### TASK
When a line in the records contains the string "IFCPOLYGONALFACESET", copy that line.

[Stored records]
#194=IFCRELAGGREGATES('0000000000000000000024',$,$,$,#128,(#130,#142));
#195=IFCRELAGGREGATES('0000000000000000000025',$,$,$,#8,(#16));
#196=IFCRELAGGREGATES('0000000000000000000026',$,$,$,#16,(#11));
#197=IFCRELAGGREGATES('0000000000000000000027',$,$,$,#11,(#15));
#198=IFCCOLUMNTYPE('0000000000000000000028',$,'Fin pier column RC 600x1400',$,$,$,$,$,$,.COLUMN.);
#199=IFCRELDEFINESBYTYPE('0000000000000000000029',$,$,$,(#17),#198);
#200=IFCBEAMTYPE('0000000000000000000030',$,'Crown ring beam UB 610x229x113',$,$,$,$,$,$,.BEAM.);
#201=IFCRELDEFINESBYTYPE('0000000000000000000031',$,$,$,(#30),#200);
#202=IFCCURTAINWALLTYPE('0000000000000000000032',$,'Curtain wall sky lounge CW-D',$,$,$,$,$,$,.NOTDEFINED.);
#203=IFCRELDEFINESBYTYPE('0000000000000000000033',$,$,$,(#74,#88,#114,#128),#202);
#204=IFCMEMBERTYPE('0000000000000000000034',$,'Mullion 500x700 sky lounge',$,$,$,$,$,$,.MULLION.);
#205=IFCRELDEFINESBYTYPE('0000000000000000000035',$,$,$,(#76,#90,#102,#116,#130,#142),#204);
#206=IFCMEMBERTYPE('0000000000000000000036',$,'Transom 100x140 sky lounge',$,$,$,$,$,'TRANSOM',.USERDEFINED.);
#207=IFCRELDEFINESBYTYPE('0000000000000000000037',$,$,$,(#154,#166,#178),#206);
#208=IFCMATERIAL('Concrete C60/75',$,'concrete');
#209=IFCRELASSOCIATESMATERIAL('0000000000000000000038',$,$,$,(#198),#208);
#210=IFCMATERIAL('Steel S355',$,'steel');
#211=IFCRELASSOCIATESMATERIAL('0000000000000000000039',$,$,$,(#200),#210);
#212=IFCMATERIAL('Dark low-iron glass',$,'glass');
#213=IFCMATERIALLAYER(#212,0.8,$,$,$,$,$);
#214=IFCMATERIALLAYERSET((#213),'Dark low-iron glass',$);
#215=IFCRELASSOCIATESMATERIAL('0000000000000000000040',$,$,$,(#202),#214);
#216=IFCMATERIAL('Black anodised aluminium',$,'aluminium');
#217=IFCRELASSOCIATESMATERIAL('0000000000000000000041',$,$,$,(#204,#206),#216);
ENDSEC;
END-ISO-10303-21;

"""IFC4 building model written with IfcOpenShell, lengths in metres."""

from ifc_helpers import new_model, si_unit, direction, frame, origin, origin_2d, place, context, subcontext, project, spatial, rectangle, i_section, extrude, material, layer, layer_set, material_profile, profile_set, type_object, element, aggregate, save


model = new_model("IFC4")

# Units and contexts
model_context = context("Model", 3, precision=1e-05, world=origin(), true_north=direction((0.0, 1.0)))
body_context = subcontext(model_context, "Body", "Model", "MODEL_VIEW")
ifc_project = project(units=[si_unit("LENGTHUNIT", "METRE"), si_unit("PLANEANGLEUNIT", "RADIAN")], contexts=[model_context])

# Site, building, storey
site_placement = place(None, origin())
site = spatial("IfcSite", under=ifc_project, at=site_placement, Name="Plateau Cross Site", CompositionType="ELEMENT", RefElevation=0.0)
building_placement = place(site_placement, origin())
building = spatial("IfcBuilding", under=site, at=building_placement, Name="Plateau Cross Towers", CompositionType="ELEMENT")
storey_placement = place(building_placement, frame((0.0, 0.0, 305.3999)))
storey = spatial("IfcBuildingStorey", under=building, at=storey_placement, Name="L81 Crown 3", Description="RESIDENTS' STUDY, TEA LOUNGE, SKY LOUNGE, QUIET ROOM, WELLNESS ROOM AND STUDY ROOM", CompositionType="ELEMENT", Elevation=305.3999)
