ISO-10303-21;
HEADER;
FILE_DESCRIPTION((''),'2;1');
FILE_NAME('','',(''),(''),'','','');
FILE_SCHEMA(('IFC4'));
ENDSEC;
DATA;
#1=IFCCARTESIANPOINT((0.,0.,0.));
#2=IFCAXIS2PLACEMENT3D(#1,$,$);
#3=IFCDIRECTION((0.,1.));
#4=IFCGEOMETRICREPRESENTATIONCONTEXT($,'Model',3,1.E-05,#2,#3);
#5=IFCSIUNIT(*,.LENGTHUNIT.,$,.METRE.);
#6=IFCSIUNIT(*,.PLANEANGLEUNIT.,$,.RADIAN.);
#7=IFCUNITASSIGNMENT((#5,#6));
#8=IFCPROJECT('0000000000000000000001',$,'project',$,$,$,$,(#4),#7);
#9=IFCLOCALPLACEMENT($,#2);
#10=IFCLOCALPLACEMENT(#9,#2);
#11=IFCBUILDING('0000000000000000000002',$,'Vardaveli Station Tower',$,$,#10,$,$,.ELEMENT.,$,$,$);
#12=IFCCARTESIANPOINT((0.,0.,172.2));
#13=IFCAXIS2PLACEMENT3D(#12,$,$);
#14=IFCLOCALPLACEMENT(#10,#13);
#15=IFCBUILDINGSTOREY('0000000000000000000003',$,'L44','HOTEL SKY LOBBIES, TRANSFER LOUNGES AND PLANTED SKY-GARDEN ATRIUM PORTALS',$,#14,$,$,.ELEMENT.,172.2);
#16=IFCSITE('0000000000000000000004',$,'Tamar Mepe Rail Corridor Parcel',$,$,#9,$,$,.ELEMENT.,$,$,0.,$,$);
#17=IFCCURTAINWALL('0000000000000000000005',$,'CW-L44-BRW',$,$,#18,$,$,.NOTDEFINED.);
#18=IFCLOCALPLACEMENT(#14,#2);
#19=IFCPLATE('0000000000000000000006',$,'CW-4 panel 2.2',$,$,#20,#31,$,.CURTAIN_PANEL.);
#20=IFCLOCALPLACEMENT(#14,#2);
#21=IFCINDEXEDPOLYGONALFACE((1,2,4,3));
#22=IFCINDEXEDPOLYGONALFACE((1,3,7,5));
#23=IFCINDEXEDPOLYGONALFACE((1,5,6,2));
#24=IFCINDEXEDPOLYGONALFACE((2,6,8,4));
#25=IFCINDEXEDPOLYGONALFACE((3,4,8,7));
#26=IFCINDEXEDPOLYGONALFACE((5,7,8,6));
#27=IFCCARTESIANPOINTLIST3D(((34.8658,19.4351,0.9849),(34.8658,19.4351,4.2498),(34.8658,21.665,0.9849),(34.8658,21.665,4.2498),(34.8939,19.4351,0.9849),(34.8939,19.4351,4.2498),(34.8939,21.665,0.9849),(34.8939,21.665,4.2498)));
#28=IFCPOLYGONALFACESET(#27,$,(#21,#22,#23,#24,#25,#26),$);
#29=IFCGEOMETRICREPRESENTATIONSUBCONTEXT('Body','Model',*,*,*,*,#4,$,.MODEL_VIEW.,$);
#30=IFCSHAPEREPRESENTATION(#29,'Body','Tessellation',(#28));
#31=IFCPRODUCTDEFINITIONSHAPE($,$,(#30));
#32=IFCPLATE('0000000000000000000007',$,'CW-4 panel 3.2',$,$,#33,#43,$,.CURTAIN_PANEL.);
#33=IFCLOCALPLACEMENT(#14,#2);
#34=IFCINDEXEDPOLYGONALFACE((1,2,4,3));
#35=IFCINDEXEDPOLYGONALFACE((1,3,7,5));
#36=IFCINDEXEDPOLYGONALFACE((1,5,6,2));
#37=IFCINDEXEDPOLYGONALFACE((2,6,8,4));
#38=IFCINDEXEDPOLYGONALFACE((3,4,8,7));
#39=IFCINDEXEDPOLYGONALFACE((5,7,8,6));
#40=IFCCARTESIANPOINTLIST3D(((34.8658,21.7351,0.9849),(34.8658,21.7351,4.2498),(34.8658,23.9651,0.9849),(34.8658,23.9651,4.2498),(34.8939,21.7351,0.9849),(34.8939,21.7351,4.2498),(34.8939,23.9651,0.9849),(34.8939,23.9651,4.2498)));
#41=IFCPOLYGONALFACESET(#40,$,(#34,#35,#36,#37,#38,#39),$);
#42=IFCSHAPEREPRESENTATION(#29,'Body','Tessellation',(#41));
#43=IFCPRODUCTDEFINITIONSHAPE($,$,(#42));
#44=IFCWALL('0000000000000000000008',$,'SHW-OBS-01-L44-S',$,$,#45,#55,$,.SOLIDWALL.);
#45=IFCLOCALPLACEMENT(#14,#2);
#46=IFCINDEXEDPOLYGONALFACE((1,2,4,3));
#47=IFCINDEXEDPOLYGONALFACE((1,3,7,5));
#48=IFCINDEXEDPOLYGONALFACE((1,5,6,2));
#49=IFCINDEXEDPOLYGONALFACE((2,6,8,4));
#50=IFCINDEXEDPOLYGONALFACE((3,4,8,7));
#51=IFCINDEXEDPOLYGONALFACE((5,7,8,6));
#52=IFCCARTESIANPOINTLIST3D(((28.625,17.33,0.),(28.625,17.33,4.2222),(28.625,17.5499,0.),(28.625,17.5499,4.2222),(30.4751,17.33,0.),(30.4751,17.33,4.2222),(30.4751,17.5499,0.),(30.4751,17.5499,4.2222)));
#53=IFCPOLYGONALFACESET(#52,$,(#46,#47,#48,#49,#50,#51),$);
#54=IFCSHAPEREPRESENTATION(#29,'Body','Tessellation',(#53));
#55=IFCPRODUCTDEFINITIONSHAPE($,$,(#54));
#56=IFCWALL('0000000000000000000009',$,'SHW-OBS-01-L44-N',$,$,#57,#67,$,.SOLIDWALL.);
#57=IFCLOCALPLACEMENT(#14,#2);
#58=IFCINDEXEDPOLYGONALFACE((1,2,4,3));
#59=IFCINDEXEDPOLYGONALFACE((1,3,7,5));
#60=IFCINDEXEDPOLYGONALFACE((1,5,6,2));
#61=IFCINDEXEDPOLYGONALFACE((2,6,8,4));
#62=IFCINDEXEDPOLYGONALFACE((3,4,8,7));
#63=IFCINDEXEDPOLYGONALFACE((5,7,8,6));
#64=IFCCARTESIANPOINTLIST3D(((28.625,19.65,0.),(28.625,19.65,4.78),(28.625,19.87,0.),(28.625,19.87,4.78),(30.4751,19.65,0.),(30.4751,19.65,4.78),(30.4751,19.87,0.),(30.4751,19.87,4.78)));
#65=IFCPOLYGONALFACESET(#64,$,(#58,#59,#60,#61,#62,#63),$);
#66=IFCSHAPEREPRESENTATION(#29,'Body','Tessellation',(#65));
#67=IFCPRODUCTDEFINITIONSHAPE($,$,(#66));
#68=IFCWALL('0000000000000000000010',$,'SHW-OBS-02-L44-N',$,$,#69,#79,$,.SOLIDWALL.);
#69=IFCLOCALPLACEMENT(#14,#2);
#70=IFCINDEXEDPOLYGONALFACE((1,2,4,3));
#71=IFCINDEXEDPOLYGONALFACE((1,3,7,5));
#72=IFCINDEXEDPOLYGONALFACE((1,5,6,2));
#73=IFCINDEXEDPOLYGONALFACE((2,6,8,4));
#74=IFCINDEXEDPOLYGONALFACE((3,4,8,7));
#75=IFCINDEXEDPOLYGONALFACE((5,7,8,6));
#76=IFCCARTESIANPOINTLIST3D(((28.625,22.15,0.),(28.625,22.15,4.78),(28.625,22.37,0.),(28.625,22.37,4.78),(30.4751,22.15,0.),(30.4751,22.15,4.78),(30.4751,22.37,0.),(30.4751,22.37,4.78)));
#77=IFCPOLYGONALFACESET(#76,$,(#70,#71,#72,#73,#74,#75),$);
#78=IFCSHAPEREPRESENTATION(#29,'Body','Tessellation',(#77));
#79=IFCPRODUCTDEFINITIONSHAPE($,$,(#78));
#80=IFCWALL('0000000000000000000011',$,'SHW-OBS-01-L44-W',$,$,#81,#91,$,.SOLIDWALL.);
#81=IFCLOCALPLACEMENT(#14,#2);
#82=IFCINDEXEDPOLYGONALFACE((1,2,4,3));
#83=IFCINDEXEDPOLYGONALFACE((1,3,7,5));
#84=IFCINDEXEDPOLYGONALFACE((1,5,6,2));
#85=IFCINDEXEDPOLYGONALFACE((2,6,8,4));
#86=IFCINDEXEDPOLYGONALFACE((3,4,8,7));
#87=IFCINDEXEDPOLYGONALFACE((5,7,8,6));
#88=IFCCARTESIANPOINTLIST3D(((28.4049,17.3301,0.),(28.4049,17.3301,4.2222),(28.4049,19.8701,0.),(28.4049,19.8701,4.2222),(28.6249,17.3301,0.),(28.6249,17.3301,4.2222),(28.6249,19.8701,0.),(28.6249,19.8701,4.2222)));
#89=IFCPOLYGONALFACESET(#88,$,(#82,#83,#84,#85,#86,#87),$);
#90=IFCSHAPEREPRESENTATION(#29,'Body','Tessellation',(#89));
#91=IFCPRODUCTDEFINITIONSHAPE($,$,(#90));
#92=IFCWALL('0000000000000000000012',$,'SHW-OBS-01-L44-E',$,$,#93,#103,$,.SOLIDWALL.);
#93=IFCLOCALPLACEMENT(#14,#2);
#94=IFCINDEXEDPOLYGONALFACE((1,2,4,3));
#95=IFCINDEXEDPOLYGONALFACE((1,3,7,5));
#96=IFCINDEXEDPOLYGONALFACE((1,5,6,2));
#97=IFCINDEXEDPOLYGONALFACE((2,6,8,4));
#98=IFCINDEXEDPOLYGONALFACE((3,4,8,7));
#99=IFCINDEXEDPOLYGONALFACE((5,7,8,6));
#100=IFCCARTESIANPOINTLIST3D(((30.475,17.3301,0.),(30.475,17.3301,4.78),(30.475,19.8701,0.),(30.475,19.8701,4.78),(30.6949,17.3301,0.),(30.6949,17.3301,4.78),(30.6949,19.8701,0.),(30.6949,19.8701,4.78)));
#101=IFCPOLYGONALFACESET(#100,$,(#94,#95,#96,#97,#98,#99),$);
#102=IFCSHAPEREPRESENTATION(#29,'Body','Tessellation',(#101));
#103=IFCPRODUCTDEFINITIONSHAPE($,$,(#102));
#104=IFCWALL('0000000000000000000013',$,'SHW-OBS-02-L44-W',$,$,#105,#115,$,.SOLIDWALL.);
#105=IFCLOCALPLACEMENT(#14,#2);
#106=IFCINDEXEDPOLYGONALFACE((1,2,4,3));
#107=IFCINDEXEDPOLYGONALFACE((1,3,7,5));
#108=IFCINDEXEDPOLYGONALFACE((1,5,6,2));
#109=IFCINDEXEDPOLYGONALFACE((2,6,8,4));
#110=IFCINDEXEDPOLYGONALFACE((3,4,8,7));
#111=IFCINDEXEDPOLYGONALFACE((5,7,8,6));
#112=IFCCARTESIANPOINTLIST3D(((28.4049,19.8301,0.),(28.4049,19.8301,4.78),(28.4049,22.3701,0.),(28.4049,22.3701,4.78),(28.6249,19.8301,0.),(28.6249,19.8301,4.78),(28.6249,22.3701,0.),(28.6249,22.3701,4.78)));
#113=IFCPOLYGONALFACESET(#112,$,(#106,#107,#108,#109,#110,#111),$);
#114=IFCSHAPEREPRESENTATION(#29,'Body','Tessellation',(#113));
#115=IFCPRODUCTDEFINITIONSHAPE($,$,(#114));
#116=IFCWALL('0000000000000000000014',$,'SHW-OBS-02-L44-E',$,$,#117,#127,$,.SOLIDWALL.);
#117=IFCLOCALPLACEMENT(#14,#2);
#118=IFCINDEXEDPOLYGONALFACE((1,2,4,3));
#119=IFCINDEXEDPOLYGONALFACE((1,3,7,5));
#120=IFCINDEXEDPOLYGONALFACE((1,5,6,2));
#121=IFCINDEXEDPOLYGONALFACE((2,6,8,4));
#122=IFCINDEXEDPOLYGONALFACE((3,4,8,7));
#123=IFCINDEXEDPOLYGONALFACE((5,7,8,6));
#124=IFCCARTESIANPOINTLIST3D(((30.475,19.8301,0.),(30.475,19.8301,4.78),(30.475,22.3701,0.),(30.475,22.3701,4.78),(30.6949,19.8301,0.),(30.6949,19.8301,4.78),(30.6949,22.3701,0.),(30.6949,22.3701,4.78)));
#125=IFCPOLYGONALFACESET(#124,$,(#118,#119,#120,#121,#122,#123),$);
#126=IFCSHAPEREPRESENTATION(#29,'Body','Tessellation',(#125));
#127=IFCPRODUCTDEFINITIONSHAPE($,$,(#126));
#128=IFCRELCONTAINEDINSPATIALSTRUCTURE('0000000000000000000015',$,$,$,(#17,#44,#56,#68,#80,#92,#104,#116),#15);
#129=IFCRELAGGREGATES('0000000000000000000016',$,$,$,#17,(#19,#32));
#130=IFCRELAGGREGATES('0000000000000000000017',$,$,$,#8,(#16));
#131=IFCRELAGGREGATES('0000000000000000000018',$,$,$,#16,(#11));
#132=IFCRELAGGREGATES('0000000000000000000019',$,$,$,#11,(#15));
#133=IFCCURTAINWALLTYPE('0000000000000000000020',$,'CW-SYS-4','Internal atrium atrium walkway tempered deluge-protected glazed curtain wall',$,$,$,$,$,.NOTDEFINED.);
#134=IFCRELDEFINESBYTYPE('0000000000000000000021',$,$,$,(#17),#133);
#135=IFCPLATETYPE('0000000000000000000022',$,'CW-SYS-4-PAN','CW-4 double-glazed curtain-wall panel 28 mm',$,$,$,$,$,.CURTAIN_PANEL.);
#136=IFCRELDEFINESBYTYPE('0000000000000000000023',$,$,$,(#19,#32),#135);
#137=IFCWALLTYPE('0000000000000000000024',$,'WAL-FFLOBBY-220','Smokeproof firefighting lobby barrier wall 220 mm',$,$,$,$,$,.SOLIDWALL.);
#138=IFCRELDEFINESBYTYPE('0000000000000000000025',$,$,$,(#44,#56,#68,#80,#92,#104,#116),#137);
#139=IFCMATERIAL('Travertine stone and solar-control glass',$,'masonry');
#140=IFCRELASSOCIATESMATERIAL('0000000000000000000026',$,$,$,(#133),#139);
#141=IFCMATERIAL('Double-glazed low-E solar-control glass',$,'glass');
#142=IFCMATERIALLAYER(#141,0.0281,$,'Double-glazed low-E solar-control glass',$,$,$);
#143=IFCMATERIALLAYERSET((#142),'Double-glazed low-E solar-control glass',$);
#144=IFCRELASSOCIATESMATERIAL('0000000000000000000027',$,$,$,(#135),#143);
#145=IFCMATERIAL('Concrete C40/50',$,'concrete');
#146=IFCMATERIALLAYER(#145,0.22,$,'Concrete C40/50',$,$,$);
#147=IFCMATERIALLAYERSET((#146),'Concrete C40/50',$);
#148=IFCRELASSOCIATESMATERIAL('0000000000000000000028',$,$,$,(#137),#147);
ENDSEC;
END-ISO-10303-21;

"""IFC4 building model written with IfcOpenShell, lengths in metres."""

from ifc_helpers import new_model, si_unit, direction, frame, frame_2d, origin, origin_2d, place, context, subcontext, project, spatial, rectangle, extrude, source, transform, mapped, material, layer, layer_set, type_object, element, aggregate, save


model = new_model("IFC4")

# Units and contexts
model_context = context("Model", 3, precision=1e-05, world=origin(), true_north=direction((0.0, 1.0)))
body_context = subcontext(model_context, "Body", "Model", "MODEL_VIEW")
ifc_project = project(units=[si_unit("LENGTHUNIT", "METRE"), si_unit("PLANEANGLEUNIT", "RADIAN")], contexts=[model_context])

# Site, building, storey
site_placement = place(None, origin())
site = spatial("IfcSite", under=ifc_project, at=site_placement, Name="Tamar Mepe Rail Corridor Parcel", CompositionType="ELEMENT", RefElevation=0.0)
building_placement = place(site_placement, origin())
building = spatial("IfcBuilding", under=site, at=building_placement, Name="Vardaveli Station Tower", CompositionType="ELEMENT")
storey_placement = place(building_placement, frame((0.0, 0.0, 172.2)))
storey = spatial("IfcBuildingStorey", under=building, at=storey_placement, Name="L44", Description="HOTEL SKY LOBBIES, TRANSFER LOUNGES AND PLANTED SKY-GARDEN ATRIUM PORTALS", CompositionType="ELEMENT", Elevation=172.2)

# Curtain wall, plates
ifc_material_1 = material(Name="Travertine stone and solar-control glass", Category="masonry")
curtain_wall_type = type_object("IfcCurtainWallType", Name="CW-SYS-4", Description="Internal atrium atrium walkway tempered deluge-protected glazed curtain wall", PredefinedType="NOTDEFINED", material=ifc_material_1)
curtain_wall_placement = place(storey_placement, origin())
curtain_wall = element("IfcCurtainWall", 1, at=curtain_wall_placement, inside=storey, type_object=curtain_wall_type, Name="CW-L44-BRW", PredefinedType="NOTDEFINED")
ifc_material_2 = material(Name="Double-glazed low-E solar-control glass", Category="glass")
ifc_layer_1 = layer(ifc_material_2, 0.0281, Name="Double-glazed low-E solar-control glass")
ifc_layer_set_1 = layer_set([ifc_layer_1], Name="Double-glazed low-E solar-control glass")
plate_type = type_object("IfcPlateType", Name="CW-SYS-4-PAN", Description="CW-4 double-glazed curtain-wall panel 28 mm", PredefinedType="CURTAIN_PANEL", material=ifc_layer_set_1)
shared_shape_1 = source(origin(), body_context, "Body", "SweptSolid", [
    extrude(rectangle(XDim=2.23, YDim=0.0281, at=origin_2d()), origin(), (0.0, 0.0, 1.0), 3.2649),
])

### EXPECTED ANSWER
#28=IFCPOLYGONALFACESET(#27,$,(#21,#22,#23,#24,#25,#26),$);
#41=IFCPOLYGONALFACESET(#40,$,(#34,#35,#36,#37,#38,#39),$);
#53=IFCPOLYGONALFACESET(#52,$,(#46,#47,#48,#49,#50,#51),$);
#65=IFCPOLYGONALFACESET(#64,$,(#58,#59,#60,#61,#62,#63),$);
#77=IFCPOLYGONALFACESET(#76,$,(#70,#71,#72,#73,#74,#75),$);
#89=IFCPOLYGONALFACESET(#88,$,(#82,#83,#84,#85,#86,#87),$);
#101=IFCPOLYGONALFACESET(#100,$,(#94,#95,#96,#97,#98,#99),$);
#113=IFCPOLYGONALFACESET(#112,$,(#106,#107,#108,#109,#110,#111),$);
#125=IFCPOLYGONALFACESET(#124,$,(#118,#119,#120,#121,#122,#123),$);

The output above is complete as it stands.